| Task prompt |
From the top of the records below, return each line exactly, ending with the line that contains "Sub-Purlin RHS 120x60x5.0',$,$,$,$,$,.PURLIN.);".

(Stored data)
+---+

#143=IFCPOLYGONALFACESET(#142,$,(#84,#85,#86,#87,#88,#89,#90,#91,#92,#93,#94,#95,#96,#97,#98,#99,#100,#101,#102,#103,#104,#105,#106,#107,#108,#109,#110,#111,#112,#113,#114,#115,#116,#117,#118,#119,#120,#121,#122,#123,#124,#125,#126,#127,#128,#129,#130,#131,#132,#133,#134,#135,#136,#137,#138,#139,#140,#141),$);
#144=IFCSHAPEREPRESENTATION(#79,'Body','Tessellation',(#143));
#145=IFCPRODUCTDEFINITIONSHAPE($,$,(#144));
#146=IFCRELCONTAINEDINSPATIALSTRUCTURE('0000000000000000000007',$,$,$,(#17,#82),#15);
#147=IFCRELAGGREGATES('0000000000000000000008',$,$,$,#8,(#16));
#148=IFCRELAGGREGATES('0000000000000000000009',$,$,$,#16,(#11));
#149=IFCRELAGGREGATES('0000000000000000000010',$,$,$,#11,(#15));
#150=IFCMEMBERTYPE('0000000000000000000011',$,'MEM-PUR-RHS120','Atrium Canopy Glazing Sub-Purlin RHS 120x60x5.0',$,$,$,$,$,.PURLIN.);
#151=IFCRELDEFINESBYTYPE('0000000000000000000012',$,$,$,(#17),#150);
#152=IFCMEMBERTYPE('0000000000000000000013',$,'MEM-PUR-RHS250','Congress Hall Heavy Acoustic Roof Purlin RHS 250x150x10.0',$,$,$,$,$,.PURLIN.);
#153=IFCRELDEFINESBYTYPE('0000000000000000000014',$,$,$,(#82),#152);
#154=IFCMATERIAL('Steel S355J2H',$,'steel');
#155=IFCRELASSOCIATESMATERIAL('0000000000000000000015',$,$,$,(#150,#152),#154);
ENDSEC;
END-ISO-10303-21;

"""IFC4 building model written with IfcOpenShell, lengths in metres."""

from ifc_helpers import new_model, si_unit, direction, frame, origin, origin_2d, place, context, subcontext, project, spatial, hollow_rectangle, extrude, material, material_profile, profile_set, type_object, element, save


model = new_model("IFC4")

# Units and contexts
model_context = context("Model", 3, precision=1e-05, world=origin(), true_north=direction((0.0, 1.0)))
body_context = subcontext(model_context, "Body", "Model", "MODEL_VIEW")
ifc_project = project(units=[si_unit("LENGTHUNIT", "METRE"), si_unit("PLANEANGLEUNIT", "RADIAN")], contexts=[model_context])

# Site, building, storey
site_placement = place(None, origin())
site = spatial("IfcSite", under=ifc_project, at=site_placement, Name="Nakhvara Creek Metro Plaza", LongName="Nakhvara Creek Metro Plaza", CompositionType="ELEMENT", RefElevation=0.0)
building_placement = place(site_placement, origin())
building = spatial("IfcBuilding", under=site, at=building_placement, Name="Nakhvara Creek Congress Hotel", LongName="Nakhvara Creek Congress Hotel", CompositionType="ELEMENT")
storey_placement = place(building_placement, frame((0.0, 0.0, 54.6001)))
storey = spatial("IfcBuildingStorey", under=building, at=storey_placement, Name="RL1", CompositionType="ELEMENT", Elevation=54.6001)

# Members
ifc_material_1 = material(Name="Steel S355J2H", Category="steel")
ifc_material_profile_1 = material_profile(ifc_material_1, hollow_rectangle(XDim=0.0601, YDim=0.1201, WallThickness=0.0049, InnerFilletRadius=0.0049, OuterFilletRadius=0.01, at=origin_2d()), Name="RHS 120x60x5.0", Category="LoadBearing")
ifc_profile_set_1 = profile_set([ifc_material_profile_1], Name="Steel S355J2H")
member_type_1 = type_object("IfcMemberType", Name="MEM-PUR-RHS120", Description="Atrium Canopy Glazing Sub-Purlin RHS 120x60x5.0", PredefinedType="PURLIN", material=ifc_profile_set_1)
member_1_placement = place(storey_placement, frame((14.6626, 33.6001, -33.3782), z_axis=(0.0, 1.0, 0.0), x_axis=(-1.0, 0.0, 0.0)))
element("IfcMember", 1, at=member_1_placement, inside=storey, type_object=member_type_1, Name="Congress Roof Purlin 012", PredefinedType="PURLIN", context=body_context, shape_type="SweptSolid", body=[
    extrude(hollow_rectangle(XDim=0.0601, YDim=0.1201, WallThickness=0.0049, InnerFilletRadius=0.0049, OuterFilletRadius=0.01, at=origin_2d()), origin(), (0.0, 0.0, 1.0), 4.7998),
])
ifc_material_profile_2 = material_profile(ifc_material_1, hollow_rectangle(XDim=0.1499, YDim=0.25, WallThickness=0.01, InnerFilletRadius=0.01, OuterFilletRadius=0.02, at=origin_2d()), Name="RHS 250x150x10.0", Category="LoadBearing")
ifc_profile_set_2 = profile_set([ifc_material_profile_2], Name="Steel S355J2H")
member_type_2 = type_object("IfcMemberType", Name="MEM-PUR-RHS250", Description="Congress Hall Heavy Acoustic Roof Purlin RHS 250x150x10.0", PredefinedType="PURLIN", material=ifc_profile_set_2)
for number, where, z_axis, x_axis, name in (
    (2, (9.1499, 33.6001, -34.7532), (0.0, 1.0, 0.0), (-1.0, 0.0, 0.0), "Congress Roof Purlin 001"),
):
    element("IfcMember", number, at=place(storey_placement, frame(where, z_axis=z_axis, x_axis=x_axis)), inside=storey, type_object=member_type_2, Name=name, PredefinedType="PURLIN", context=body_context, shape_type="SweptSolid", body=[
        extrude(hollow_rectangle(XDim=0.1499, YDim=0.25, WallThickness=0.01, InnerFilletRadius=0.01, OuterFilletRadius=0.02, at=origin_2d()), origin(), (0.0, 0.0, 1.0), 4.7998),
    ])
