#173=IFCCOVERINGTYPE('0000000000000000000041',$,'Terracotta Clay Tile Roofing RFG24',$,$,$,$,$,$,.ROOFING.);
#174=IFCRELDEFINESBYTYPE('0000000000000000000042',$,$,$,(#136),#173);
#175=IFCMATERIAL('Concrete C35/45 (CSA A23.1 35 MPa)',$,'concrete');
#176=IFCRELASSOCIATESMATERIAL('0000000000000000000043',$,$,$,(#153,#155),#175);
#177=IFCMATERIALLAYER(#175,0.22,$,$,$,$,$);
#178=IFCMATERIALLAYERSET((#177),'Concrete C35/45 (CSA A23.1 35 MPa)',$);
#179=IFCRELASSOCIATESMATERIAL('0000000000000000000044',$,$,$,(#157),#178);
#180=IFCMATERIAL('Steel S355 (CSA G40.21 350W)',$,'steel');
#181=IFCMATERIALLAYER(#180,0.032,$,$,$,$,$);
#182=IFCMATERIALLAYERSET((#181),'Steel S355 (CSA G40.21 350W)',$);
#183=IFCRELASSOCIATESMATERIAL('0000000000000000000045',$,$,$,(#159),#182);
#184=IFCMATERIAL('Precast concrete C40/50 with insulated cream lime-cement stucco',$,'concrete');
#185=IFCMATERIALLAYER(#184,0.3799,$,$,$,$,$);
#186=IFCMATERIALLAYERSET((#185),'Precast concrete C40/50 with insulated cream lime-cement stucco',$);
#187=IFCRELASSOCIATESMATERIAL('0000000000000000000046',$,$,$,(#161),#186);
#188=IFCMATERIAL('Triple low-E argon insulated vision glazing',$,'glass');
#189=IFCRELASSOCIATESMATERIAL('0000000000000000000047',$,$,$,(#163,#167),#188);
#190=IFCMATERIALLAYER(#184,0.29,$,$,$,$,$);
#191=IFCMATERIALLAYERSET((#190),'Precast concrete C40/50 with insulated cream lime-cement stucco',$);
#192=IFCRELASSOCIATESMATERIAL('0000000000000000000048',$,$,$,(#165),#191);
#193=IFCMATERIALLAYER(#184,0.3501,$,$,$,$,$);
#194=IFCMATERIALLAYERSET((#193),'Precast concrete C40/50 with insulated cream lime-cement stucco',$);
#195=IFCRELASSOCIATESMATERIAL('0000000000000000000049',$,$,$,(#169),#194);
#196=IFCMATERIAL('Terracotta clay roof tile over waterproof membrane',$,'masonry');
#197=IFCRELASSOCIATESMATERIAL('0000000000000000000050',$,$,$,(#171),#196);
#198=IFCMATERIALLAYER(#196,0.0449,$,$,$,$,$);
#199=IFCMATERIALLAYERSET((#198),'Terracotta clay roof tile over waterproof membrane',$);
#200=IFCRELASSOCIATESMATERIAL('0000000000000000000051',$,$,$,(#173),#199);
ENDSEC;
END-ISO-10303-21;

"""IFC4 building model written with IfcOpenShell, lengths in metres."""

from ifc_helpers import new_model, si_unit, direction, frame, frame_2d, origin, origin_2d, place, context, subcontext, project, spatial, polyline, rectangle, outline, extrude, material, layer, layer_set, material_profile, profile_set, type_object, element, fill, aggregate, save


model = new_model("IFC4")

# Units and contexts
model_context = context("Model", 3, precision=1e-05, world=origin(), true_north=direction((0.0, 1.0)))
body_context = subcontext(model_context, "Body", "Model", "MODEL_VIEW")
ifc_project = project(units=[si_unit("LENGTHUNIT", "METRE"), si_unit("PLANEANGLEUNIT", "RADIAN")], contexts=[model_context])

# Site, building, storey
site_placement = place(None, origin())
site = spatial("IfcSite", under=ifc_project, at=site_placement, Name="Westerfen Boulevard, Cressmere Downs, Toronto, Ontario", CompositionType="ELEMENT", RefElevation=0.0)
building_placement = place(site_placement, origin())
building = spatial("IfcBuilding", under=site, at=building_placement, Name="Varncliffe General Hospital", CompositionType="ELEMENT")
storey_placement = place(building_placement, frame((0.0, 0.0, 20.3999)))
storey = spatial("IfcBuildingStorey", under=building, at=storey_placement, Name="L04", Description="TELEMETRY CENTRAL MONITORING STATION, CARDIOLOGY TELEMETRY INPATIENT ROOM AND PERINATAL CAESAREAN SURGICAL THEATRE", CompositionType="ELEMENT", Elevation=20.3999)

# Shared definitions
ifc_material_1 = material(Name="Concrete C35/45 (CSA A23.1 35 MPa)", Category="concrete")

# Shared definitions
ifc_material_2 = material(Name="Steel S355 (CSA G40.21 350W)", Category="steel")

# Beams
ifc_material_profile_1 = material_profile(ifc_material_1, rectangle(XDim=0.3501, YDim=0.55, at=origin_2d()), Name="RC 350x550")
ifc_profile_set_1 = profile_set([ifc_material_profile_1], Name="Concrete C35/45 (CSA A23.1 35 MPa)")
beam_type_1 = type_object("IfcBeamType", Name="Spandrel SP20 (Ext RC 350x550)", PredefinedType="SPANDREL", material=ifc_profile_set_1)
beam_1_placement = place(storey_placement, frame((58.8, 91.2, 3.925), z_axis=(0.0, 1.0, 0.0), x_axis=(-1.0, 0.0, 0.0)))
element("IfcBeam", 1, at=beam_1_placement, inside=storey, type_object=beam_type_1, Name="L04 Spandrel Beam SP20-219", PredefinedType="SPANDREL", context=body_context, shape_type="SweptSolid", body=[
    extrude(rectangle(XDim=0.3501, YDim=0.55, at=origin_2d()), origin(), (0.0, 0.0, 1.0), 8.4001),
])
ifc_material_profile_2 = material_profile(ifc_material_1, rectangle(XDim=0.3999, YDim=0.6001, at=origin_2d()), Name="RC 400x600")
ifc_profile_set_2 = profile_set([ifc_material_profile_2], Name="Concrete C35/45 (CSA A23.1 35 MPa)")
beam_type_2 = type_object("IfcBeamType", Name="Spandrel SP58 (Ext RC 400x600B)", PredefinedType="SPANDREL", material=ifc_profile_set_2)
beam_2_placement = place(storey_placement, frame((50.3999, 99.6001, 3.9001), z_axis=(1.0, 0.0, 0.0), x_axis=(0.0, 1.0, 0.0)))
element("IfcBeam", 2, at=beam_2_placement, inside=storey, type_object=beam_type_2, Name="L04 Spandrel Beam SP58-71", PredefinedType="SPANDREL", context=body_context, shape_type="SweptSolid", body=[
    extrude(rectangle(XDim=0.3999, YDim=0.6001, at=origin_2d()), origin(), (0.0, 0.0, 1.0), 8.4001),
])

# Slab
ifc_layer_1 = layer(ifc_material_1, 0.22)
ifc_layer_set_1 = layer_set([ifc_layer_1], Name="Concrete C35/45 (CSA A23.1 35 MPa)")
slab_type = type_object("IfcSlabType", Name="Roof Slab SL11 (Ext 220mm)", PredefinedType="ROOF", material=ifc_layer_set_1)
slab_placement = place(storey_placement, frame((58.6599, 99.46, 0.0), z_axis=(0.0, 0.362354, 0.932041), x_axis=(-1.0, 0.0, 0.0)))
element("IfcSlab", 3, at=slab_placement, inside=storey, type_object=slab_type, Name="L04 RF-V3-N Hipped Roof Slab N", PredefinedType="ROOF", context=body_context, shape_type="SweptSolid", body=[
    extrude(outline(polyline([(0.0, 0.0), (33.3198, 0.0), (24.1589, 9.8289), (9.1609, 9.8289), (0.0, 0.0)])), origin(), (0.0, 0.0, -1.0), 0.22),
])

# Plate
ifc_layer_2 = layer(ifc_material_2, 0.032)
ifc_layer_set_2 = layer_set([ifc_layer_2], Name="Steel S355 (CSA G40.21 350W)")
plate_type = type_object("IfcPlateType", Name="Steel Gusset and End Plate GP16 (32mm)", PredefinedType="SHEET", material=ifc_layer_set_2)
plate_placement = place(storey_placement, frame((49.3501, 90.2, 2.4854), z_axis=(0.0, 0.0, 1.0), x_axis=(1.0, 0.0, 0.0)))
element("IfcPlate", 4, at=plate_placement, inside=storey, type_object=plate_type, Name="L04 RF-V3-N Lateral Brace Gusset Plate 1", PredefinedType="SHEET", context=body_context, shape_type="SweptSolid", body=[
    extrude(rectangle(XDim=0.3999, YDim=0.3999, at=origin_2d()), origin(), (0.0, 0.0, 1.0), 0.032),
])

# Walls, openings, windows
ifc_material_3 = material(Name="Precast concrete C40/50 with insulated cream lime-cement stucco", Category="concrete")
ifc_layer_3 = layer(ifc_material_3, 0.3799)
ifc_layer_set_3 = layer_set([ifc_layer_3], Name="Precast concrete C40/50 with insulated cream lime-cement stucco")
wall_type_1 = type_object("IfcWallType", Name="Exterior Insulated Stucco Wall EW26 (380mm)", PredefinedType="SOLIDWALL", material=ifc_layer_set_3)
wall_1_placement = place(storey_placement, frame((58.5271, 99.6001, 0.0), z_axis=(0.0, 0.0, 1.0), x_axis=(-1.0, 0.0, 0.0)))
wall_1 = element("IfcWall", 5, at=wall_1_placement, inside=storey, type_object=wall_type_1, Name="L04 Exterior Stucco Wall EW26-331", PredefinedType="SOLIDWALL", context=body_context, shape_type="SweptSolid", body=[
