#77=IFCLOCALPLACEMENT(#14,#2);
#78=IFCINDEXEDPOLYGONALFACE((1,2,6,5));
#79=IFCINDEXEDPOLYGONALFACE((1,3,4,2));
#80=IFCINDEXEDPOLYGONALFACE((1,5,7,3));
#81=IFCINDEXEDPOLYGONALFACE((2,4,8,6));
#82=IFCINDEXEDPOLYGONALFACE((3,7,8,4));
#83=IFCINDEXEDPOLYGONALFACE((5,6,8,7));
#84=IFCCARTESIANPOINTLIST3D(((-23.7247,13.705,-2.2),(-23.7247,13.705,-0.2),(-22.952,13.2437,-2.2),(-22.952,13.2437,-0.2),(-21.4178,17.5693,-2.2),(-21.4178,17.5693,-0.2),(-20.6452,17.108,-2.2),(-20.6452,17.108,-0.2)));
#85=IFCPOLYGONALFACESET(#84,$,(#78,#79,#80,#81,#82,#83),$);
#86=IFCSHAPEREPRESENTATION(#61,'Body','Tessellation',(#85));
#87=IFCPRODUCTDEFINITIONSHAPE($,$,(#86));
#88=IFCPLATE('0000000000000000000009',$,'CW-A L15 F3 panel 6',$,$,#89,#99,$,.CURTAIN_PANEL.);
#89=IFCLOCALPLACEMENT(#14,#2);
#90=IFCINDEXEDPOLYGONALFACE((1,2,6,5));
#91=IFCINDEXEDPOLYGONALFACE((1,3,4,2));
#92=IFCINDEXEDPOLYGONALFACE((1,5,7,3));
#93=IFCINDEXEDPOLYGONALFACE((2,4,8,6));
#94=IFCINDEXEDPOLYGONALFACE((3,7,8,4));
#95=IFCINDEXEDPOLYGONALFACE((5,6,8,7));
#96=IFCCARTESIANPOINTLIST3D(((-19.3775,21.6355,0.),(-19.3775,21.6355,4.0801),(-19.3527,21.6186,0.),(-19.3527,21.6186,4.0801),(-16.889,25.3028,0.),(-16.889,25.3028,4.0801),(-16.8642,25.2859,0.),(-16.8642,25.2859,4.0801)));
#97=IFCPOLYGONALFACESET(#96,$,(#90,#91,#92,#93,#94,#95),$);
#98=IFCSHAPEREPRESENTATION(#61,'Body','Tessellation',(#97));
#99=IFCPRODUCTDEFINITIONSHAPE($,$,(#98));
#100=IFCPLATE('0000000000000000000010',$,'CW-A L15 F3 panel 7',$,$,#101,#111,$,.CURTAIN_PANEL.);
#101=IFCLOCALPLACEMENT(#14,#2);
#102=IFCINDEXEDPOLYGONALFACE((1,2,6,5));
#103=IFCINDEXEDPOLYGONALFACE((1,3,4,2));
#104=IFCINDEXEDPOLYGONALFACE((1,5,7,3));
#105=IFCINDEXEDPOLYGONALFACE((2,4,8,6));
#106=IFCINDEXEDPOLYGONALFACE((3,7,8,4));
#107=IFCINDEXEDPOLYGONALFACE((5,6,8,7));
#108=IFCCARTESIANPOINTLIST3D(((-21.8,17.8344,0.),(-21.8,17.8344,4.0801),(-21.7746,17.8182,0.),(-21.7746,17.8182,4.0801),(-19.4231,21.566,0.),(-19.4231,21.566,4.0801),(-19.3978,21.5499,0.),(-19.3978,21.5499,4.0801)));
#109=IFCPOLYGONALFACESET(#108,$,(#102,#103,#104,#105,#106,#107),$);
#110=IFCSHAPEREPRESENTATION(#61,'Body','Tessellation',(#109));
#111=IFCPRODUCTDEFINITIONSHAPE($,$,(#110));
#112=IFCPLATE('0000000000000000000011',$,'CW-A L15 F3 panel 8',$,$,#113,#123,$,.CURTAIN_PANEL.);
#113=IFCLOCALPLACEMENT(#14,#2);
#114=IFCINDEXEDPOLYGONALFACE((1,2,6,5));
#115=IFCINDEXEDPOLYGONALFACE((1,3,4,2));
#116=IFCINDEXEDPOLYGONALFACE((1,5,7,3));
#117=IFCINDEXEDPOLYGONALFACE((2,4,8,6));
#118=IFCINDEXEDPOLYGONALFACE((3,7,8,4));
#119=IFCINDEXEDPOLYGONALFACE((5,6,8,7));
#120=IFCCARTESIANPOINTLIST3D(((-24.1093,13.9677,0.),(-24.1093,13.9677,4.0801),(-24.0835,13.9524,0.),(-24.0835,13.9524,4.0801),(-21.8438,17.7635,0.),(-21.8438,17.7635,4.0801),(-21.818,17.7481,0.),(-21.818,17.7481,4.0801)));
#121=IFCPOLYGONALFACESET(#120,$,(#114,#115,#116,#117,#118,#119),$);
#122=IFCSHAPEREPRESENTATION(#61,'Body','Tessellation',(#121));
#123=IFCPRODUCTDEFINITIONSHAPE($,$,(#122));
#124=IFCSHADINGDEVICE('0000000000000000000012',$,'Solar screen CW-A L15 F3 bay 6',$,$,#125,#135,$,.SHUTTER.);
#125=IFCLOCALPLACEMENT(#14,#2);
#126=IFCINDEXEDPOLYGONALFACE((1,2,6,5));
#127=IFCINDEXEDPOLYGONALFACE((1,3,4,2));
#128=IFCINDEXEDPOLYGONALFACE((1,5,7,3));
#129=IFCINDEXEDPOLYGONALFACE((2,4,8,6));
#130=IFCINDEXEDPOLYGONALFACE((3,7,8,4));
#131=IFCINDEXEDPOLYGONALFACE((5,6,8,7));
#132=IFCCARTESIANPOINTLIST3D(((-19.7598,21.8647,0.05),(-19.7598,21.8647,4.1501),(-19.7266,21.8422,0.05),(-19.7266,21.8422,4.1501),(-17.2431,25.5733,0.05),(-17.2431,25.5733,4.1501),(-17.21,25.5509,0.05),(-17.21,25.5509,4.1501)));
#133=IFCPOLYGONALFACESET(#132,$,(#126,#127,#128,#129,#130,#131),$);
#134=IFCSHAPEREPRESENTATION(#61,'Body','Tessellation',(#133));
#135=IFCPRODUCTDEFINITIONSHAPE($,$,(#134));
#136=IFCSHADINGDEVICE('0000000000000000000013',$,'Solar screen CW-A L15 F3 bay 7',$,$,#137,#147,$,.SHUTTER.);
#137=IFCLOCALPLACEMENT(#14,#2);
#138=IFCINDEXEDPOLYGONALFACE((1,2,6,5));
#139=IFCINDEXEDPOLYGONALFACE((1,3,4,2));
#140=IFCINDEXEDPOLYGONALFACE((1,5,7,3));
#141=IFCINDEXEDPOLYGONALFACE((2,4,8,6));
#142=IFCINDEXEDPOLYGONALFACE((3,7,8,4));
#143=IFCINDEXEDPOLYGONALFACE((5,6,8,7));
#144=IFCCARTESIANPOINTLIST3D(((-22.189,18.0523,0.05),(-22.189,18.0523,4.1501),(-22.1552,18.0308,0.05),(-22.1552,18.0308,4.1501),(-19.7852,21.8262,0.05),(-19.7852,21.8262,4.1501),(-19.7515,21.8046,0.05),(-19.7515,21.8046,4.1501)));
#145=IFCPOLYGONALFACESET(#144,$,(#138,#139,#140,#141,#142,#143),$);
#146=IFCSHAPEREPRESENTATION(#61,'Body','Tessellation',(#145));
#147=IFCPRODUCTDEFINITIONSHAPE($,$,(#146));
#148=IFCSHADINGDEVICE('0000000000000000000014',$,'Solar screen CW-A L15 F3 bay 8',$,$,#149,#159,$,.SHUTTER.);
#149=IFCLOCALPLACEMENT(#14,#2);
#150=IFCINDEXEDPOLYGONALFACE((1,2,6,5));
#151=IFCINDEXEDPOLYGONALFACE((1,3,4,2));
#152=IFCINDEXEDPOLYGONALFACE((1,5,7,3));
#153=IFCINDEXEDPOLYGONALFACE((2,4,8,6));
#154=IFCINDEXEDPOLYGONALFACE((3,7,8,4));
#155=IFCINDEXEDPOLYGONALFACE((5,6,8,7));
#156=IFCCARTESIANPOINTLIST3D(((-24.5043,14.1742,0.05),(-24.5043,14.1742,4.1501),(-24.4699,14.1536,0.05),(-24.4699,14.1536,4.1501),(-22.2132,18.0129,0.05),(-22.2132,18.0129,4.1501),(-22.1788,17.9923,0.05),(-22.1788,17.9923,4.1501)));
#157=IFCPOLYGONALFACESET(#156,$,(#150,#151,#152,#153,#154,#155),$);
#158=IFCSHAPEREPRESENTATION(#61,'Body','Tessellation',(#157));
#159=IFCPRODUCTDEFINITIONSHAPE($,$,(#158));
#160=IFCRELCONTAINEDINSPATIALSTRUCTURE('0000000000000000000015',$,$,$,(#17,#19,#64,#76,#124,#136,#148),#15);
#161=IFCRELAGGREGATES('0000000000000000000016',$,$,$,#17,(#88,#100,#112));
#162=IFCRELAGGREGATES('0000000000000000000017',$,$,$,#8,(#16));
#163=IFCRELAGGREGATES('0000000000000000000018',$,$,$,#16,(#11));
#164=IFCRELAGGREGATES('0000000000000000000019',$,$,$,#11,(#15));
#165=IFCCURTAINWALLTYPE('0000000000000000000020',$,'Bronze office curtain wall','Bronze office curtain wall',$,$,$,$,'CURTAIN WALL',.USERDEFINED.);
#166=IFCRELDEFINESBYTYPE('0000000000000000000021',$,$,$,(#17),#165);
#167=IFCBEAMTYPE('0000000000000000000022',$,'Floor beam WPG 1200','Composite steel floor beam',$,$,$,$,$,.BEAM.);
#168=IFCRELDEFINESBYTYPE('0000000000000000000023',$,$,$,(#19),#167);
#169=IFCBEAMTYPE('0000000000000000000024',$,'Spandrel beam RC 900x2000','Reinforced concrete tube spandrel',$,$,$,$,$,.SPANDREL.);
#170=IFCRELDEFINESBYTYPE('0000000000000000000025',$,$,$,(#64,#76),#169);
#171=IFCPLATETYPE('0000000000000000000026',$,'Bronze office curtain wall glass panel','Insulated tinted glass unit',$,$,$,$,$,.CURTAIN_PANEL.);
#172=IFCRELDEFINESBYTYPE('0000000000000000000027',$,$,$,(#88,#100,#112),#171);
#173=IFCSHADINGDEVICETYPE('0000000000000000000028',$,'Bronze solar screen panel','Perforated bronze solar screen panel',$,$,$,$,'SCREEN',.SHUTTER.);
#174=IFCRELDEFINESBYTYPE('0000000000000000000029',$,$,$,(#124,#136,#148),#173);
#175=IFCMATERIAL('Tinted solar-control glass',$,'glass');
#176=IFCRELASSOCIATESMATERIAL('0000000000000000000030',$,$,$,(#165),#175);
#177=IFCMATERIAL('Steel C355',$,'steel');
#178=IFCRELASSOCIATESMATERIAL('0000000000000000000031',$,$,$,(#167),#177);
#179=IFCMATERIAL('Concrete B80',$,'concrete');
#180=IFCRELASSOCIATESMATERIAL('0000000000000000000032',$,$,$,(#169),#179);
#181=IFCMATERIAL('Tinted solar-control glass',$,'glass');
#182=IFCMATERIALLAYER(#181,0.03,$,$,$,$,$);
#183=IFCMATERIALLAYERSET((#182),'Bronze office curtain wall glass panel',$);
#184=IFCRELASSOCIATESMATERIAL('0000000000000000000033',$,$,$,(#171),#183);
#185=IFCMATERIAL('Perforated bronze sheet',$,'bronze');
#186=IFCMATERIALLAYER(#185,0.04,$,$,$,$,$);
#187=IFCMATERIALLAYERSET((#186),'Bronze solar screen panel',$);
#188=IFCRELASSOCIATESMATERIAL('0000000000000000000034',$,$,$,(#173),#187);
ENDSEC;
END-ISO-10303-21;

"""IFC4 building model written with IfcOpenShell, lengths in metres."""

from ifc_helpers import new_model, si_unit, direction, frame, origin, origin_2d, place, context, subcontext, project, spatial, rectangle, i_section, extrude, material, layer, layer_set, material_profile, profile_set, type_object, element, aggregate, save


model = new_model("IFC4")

+---+

| Output of the task |
#143=IFCPOLYGONALFACESET(#142,$,(#84,#85,#86,#87,#88,#89,#90,#91,#92,#93,#94,#95,#96,#97,#98,#99,#100,#101,#102,#103,#104,#105,#106,#107,#108,#109,#110,#111,#112,#113,#114,#115,#116,#117,#118,#119,#120,#121,#122,#123,#124,#125,#126,#127,#128,#129,#130,#131,#132,#133,#134,#135,#136,#137,#138,#139,#140,#141),$);
#144=IFCSHAPEREPRESENTATION(#79,'Body','Tessellation',(#143));
#145=IFCPRODUCTDEFINITIONSHAPE($,$,(#144));
#146=IFCRELCONTAINEDINSPATIALSTRUCTURE('0000000000000000000007',$,$,$,(#17,#82),#15);
#147=IFCRELAGGREGATES('0000000000000000000008',$,$,$,#8,(#16));
#148=IFCRELAGGREGATES('0000000000000000000009',$,$,$,#16,(#11));
#149=IFCRELAGGREGATES('0000000000000000000010',$,$,$,#11,(#15));
#150=IFCMEMBERTYPE('0000000000000000000011',$,'MEM-PUR-RHS120','Atrium Canopy Glazing Sub-Purlin RHS 120x60x5.0',$,$,$,$,$,.PURLIN.);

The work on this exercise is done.